**Task objective**
Of the material below, the lines to be retyped are those from the line containing "#108=IFCINDEXEDPOLYGONALFACE((69,71,81,79));" through the line containing "#113=IFCINDEXEDPOLYGONALFACE((80,83,84,82));", inclusive; reproduce them exactly.

**Excerpted data**
[Start of section]

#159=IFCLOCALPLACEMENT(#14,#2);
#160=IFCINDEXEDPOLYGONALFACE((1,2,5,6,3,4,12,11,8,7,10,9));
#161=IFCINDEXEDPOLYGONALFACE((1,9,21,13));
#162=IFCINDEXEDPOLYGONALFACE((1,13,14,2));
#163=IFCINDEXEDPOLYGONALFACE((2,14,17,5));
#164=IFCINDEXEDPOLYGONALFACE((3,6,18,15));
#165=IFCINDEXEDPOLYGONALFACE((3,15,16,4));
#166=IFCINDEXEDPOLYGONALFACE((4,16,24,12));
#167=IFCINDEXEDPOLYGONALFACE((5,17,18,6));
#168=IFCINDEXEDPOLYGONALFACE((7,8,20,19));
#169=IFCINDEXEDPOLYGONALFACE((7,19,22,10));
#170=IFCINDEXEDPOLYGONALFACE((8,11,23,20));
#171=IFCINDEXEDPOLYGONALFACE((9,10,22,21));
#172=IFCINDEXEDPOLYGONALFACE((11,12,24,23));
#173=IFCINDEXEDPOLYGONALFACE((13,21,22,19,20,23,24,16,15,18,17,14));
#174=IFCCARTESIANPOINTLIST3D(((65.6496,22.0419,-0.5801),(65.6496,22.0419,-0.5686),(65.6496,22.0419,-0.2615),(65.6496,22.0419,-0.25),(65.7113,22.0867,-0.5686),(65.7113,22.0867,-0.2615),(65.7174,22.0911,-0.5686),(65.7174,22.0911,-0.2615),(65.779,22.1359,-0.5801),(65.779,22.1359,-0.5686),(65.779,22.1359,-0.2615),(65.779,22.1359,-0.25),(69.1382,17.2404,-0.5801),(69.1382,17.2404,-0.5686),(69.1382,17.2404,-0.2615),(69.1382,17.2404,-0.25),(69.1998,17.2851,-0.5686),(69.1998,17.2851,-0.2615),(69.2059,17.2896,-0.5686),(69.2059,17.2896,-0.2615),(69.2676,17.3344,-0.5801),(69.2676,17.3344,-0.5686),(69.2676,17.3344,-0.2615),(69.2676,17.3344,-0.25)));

[End of section]
[Start of section]

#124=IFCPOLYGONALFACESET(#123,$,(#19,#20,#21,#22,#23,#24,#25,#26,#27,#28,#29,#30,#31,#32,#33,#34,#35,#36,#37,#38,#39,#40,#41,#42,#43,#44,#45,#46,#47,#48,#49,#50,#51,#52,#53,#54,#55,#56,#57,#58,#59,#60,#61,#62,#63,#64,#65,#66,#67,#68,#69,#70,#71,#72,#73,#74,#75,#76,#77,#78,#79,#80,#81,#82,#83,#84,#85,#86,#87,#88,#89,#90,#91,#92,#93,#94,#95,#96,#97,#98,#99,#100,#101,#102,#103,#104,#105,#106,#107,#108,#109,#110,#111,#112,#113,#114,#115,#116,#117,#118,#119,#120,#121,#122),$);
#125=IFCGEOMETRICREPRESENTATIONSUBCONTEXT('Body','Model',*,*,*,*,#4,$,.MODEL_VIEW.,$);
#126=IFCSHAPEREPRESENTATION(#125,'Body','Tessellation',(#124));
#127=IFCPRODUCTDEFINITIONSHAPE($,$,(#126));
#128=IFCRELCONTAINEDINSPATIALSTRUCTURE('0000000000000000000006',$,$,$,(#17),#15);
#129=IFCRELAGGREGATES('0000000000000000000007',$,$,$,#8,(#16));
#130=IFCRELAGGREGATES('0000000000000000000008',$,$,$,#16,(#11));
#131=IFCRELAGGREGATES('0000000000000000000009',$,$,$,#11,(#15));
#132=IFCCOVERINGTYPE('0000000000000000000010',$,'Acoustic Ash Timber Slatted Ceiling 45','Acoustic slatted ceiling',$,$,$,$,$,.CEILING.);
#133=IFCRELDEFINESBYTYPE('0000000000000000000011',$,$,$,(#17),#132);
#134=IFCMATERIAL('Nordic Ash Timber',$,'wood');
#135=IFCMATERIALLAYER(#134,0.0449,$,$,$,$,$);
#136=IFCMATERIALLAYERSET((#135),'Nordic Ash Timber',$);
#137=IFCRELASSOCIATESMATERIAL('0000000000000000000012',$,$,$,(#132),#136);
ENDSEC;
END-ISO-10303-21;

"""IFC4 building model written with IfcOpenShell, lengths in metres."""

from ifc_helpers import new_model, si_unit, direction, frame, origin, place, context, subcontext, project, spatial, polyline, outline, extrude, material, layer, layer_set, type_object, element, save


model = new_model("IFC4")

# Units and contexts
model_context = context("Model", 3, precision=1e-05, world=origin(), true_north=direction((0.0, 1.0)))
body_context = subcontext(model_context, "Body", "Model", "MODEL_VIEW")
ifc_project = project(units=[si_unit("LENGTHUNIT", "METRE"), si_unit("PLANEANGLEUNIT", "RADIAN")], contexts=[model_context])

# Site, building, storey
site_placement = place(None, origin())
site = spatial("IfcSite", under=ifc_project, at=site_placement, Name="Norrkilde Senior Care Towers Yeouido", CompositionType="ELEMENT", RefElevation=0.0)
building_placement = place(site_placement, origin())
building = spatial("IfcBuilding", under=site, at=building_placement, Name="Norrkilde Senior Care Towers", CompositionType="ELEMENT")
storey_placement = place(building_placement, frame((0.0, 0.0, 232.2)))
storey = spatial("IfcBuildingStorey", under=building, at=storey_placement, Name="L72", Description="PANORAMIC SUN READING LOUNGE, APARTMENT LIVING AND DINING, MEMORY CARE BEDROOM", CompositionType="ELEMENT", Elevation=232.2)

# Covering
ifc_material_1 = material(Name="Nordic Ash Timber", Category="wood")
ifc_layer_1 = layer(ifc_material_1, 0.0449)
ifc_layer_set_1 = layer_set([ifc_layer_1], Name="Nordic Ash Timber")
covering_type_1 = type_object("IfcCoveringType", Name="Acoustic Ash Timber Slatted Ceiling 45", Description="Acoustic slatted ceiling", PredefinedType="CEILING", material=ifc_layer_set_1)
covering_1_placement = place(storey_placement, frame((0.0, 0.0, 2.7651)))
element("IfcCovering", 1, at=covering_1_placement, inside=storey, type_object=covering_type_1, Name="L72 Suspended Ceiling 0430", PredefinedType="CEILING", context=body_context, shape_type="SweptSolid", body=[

[End of section]
[Start of section]

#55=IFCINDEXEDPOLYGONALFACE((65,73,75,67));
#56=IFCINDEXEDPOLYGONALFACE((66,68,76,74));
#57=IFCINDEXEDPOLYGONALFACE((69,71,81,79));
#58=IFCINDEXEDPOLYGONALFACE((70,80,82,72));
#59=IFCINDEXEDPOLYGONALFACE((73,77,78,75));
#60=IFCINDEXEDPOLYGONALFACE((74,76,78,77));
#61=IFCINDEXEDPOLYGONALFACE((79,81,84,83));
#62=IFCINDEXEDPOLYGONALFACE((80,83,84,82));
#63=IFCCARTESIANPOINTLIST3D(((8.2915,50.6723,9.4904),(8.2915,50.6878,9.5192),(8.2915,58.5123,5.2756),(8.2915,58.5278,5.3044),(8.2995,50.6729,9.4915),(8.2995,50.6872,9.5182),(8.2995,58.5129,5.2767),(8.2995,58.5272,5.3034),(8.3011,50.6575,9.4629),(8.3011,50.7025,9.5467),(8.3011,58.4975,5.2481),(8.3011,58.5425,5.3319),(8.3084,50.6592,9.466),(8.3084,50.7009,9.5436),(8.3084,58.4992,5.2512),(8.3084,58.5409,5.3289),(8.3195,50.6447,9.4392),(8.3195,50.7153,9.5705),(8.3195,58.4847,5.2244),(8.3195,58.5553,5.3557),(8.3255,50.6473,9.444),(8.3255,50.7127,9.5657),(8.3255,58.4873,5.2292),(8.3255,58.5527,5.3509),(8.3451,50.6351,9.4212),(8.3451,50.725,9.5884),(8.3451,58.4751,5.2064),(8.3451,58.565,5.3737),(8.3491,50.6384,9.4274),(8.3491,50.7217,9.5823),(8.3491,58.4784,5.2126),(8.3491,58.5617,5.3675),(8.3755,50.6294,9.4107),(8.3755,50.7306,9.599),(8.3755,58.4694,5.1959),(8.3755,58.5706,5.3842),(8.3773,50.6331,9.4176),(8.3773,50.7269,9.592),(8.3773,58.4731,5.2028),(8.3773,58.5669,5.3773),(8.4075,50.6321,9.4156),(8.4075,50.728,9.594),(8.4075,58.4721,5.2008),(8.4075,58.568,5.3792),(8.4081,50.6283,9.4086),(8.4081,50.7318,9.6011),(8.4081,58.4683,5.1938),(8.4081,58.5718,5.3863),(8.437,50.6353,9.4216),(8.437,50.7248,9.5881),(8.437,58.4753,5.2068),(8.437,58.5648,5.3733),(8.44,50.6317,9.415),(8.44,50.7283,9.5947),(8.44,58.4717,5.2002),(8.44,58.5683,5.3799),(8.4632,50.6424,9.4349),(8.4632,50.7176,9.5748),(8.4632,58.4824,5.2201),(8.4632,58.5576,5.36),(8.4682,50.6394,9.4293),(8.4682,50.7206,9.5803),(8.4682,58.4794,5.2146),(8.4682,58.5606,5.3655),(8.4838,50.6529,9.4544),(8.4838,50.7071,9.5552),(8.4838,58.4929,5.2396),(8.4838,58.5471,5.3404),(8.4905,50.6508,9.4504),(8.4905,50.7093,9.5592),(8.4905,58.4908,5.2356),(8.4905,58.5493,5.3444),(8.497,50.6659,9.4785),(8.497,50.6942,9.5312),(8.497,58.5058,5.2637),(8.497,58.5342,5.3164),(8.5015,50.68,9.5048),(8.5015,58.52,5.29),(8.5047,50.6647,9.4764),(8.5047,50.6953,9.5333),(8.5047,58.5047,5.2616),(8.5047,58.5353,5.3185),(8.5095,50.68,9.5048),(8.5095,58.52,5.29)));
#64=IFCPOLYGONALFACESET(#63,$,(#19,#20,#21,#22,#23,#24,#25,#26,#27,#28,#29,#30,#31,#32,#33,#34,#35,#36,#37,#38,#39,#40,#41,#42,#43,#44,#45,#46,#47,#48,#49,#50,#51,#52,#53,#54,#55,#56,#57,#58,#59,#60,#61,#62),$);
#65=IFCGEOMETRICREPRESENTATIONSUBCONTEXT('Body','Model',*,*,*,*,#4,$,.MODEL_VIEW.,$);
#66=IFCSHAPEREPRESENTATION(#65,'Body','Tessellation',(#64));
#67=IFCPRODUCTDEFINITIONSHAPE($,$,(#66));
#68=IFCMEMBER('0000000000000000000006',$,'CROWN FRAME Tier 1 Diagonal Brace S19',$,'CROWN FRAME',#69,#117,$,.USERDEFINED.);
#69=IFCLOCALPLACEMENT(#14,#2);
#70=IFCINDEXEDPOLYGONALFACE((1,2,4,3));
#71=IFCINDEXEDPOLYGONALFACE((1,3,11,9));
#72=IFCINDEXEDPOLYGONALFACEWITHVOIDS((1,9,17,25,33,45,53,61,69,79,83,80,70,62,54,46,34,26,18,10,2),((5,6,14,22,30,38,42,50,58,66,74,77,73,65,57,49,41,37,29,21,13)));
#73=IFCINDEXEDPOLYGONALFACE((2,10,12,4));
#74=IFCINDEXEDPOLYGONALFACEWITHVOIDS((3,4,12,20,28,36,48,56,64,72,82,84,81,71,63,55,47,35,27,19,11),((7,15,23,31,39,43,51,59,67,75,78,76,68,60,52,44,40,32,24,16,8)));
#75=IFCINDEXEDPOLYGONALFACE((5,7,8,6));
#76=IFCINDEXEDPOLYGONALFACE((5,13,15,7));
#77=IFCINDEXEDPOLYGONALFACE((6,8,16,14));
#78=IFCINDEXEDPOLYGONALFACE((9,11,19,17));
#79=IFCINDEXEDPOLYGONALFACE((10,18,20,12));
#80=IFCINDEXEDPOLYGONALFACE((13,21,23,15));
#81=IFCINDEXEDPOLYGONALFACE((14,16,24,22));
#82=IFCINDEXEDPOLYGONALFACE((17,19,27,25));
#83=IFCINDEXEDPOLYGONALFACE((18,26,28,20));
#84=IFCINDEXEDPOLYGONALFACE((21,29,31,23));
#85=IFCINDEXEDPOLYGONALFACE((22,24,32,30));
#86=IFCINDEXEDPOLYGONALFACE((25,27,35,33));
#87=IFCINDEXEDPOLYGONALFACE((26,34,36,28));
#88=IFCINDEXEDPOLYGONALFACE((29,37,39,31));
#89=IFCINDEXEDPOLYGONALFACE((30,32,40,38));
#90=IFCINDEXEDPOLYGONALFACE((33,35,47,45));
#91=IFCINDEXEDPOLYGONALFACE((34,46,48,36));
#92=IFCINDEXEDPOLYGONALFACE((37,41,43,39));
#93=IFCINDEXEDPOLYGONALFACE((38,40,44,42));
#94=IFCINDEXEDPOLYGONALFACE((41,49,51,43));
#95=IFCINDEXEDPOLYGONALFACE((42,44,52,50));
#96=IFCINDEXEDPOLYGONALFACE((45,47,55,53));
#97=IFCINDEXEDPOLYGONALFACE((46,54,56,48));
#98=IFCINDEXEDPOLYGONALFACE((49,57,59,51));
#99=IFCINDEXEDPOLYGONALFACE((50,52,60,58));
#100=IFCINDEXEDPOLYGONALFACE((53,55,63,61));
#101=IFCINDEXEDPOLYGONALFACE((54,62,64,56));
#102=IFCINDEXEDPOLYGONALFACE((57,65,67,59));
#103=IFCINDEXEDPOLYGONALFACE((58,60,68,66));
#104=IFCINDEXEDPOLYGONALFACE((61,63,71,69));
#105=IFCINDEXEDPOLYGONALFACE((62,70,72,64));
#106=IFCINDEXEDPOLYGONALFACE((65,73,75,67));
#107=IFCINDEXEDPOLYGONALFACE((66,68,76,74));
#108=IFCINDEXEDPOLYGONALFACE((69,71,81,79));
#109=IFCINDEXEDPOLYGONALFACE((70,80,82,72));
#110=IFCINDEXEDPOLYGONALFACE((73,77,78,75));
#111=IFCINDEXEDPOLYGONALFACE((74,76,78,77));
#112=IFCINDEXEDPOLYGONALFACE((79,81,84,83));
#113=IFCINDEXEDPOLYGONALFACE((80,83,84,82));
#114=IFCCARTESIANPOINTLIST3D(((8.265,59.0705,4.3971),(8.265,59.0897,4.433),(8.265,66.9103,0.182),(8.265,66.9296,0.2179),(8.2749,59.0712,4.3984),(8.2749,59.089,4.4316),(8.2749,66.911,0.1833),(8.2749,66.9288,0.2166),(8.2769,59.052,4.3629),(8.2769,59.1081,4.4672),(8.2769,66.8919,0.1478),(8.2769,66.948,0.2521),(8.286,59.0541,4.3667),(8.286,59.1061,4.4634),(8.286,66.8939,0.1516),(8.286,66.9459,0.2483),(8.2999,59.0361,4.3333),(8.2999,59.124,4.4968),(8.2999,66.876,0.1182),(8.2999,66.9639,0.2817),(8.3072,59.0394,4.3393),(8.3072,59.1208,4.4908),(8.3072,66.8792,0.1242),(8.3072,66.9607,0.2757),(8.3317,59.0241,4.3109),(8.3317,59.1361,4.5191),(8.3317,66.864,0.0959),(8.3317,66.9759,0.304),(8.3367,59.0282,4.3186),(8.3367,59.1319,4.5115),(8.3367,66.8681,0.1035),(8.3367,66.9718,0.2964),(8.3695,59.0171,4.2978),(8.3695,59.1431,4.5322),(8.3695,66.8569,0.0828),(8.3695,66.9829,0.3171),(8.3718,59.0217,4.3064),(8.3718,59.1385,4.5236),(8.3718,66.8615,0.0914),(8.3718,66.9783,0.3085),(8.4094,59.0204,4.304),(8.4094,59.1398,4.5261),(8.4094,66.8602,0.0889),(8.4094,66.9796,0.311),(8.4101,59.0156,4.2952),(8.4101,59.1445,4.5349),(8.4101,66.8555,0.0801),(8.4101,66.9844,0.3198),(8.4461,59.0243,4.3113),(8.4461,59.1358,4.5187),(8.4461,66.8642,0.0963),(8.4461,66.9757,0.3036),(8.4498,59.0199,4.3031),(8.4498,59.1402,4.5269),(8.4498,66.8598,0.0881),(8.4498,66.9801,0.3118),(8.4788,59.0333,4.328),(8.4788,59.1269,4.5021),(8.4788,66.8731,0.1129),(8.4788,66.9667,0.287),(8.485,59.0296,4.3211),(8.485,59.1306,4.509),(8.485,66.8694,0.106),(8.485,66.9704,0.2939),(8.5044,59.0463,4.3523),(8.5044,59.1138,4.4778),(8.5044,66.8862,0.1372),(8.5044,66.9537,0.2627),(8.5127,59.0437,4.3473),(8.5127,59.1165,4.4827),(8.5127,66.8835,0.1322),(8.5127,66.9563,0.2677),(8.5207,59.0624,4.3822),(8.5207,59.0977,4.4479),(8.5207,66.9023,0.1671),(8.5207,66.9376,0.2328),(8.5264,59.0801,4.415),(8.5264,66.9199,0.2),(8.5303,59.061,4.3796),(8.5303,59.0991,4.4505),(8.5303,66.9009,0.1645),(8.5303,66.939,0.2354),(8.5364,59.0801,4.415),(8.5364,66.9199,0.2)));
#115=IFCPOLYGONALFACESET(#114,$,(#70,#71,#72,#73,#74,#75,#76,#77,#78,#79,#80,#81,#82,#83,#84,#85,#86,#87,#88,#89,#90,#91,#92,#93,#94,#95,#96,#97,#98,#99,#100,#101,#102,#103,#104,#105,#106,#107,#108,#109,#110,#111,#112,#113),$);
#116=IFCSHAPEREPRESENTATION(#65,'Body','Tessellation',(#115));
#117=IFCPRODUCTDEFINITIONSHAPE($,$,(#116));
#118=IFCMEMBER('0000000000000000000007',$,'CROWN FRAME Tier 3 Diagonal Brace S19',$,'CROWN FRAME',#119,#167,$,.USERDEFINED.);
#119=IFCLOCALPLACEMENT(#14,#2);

[End of section]

**Exercise result**
#108=IFCINDEXEDPOLYGONALFACE((69,71,81,79));
#109=IFCINDEXEDPOLYGONALFACE((70,80,82,72));
#110=IFCINDEXEDPOLYGONALFACE((73,77,78,75));
#111=IFCINDEXEDPOLYGONALFACE((74,76,78,77));
#112=IFCINDEXEDPOLYGONALFACE((79,81,84,83));
#113=IFCINDEXEDPOLYGONALFACE((80,83,84,82));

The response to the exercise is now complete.